● **ASSIGNED TASK**
Give back the full listing exactly as written.

● **TASK MATERIAL**
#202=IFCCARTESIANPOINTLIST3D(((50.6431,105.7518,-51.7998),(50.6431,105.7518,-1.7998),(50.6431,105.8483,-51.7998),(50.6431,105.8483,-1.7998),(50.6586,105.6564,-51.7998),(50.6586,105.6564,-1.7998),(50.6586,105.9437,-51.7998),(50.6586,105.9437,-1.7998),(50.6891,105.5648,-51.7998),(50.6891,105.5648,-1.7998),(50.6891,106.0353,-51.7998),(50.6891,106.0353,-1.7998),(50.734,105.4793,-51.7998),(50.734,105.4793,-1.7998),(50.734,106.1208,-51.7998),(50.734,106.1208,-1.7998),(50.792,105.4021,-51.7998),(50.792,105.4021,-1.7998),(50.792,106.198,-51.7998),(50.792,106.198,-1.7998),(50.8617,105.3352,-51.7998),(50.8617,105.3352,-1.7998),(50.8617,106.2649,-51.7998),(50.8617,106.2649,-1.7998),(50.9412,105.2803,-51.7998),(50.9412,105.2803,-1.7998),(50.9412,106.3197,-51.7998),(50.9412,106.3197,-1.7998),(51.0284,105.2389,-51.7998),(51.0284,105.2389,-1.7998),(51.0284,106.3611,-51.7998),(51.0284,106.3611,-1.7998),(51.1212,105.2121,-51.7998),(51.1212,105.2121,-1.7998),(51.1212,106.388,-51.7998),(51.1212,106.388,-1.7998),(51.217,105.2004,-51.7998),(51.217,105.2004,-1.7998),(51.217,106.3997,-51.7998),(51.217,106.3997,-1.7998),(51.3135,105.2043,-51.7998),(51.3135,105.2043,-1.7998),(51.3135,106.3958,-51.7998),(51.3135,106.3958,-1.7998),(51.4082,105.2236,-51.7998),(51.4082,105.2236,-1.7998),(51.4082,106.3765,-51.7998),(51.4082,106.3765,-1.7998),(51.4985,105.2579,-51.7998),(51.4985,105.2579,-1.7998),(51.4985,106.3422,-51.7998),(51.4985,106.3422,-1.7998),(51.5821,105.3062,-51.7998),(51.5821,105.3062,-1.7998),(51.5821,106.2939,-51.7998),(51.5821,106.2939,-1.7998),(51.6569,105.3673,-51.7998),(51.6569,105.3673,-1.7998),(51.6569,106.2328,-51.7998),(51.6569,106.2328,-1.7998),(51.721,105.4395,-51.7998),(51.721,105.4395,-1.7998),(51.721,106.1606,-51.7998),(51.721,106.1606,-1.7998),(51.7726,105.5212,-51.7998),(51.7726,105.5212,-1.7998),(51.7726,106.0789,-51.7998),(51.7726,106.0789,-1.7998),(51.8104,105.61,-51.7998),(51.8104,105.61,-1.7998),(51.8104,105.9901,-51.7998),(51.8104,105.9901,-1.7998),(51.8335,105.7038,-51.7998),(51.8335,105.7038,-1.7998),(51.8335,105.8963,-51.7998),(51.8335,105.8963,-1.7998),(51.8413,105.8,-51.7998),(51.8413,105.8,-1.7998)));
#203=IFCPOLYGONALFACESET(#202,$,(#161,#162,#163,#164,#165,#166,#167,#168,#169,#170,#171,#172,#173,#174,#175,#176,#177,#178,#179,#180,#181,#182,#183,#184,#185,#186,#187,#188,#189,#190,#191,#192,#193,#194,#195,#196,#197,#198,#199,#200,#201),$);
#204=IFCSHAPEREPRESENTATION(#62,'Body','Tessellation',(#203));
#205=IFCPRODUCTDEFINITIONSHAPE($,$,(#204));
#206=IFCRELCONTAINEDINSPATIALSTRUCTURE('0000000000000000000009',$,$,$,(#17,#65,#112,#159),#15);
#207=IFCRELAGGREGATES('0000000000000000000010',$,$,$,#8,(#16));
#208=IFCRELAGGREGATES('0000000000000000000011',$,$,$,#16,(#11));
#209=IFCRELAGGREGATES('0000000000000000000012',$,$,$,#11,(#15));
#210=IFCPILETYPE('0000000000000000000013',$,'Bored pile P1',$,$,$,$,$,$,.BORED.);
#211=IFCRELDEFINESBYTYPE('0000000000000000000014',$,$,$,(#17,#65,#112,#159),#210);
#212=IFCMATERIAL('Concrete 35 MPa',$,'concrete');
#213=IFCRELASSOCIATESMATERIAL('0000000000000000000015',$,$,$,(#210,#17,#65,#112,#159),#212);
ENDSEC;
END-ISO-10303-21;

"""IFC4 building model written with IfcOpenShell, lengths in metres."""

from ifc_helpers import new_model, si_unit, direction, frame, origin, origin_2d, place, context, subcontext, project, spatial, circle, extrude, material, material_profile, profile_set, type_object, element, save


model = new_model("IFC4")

● **RESPONSE TO THE EXERCISE**
#202=IFCCARTESIANPOINTLIST3D(((50.6431,105.7518,-51.7998),(50.6431,105.7518,-1.7998),(50.6431,105.8483,-51.7998),(50.6431,105.8483,-1.7998),(50.6586,105.6564,-51.7998),(50.6586,105.6564,-1.7998),(50.6586,105.9437,-51.7998),(50.6586,105.9437,-1.7998),(50.6891,105.5648,-51.7998),(50.6891,105.5648,-1.7998),(50.6891,106.0353,-51.7998),(50.6891,106.0353,-1.7998),(50.734,105.4793,-51.7998),(50.734,105.4793,-1.7998),(50.734,106.1208,-51.7998),(50.734,106.1208,-1.7998),(50.792,105.4021,-51.7998),(50.792,105.4021,-1.7998),(50.792,106.198,-51.7998),(50.792,106.198,-1.7998),(50.8617,105.3352,-51.7998),(50.8617,105.3352,-1.7998),(50.8617,106.2649,-51.7998),(50.8617,106.2649,-1.7998),(50.9412,105.2803,-51.7998),(50.9412,105.2803,-1.7998),(50.9412,106.3197,-51.7998),(50.9412,106.3197,-1.7998),(51.0284,105.2389,-51.7998),(51.0284,105.2389,-1.7998),(51.0284,106.3611,-51.7998),(51.0284,106.3611,-1.7998),(51.1212,105.2121,-51.7998),(51.1212,105.2121,-1.7998),(51.1212,106.388,-51.7998),(51.1212,106.388,-1.7998),(51.217,105.2004,-51.7998),(51.217,105.2004,-1.7998),(51.217,106.3997,-51.7998),(51.217,106.3997,-1.7998),(51.3135,105.2043,-51.7998),(51.3135,105.2043,-1.7998),(51.3135,106.3958,-51.7998),(51.3135,106.3958,-1.7998),(51.4082,105.2236,-51.7998),(51.4082,105.2236,-1.7998),(51.4082,106.3765,-51.7998),(51.4082,106.3765,-1.7998),(51.4985,105.2579,-51.7998),(51.4985,105.2579,-1.7998),(51.4985,106.3422,-51.7998),(51.4985,106.3422,-1.7998),(51.5821,105.3062,-51.7998),(51.5821,105.3062,-1.7998),(51.5821,106.2939,-51.7998),(51.5821,106.2939,-1.7998),(51.6569,105.3673,-51.7998),(51.6569,105.3673,-1.7998),(51.6569,106.2328,-51.7998),(51.6569,106.2328,-1.7998),(51.721,105.4395,-51.7998),(51.721,105.4395,-1.7998),(51.721,106.1606,-51.7998),(51.721,106.1606,-1.7998),(51.7726,105.5212,-51.7998),(51.7726,105.5212,-1.7998),(51.7726,106.0789,-51.7998),(51.7726,106.0789,-1.7998),(51.8104,105.61,-51.7998),(51.8104,105.61,-1.7998),(51.8104,105.9901,-51.7998),(51.8104,105.9901,-1.7998),(51.8335,105.7038,-51.7998),(51.8335,105.7038,-1.7998),(51.8335,105.8963,-51.7998),(51.8335,105.8963,-1.7998),(51.8413,105.8,-51.7998),(51.8413,105.8,-1.7998)));
#203=IFCPOLYGONALFACESET(#202,$,(#161,#162,#163,#164,#165,#166,#167,#168,#169,#170,#171,#172,#173,#174,#175,#176,#177,#178,#179,#180,#181,#182,#183,#184,#185,#186,#187,#188,#189,#190,#191,#192,#193,#194,#195,#196,#197,#198,#199,#200,#201),$);
#204=IFCSHAPEREPRESENTATION(#62,'Body','Tessellation',(#203));
#205=IFCPRODUCTDEFINITIONSHAPE($,$,(#204));
#206=IFCRELCONTAINEDINSPATIALSTRUCTURE('0000000000000000000009',$,$,$,(#17,#65,#112,#159),#15);
#207=IFCRELAGGREGATES('0000000000000000000010',$,$,$,#8,(#16));
#208=IFCRELAGGREGATES('0000000000000000000011',$,$,$,#16,(#11));
#209=IFCRELAGGREGATES('0000000000000000000012',$,$,$,#11,(#15));
#210=IFCPILETYPE('0000000000000000000013',$,'Bored pile P1',$,$,$,$,$,$,.BORED.);
#211=IFCRELDEFINESBYTYPE('0000000000000000000014',$,$,$,(#17,#65,#112,#159),#210);
#212=IFCMATERIAL('Concrete 35 MPa',$,'concrete');
#213=IFCRELASSOCIATESMATERIAL('0000000000000000000015',$,$,$,(#210,#17,#65,#112,#159),#212);
ENDSEC;
END-ISO-10303-21;

"""IFC4 building model written with IfcOpenShell, lengths in metres."""

from ifc_helpers import new_model, si_unit, direction, frame, origin, origin_2d, place, context, subcontext, project, spatial, circle, extrude, material, material_profile, profile_set, type_object, element, save


model = new_model("IFC4")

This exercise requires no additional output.